--- START ---

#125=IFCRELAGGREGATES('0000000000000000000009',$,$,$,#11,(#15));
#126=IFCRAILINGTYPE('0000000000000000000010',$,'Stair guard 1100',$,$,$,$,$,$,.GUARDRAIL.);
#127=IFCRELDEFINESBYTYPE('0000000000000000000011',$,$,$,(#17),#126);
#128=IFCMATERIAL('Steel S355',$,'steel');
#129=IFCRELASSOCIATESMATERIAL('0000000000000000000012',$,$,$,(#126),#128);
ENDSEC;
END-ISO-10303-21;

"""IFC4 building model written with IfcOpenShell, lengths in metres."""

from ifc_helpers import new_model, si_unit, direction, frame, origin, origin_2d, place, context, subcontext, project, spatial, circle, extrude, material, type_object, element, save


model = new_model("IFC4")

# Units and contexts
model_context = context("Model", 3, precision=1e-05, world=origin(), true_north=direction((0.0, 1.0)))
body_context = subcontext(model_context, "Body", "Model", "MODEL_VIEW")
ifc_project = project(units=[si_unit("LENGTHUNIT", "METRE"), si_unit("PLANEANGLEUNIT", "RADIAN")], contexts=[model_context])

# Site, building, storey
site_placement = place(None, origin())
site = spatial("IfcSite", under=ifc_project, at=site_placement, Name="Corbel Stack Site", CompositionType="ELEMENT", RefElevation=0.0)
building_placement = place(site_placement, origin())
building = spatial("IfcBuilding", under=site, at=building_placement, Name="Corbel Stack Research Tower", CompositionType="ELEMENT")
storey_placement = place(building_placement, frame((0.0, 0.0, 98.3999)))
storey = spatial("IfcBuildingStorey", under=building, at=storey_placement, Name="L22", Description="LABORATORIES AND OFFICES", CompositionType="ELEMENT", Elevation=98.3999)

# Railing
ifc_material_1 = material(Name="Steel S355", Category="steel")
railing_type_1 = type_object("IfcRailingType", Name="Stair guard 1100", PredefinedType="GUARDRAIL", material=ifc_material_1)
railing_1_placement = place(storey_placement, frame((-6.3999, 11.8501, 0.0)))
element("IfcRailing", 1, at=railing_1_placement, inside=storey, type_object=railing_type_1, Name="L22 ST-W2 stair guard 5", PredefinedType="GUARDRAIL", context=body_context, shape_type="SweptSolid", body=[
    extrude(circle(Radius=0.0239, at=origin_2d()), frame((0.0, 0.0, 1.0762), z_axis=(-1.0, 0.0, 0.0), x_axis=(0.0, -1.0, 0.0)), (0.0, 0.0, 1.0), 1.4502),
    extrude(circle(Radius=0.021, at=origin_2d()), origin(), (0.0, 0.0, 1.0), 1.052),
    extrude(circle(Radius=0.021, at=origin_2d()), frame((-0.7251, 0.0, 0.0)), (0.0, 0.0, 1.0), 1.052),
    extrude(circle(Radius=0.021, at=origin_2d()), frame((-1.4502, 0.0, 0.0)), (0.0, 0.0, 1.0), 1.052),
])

--- END ---

Each line from the top of the material above, through the one that contains "#128=IFCMATERIAL('Steel S355',$,'steel');", should be restated word for word.

RESULT
#125=IFCRELAGGREGATES('0000000000000000000009',$,$,$,#11,(#15));
#126=IFCRAILINGTYPE('0000000000000000000010',$,'Stair guard 1100',$,$,$,$,$,$,.GUARDRAIL.);
#127=IFCRELDEFINESBYTYPE('0000000000000000000011',$,$,$,(#17),#126);
#128=IFCMATERIAL('Steel S355',$,'steel');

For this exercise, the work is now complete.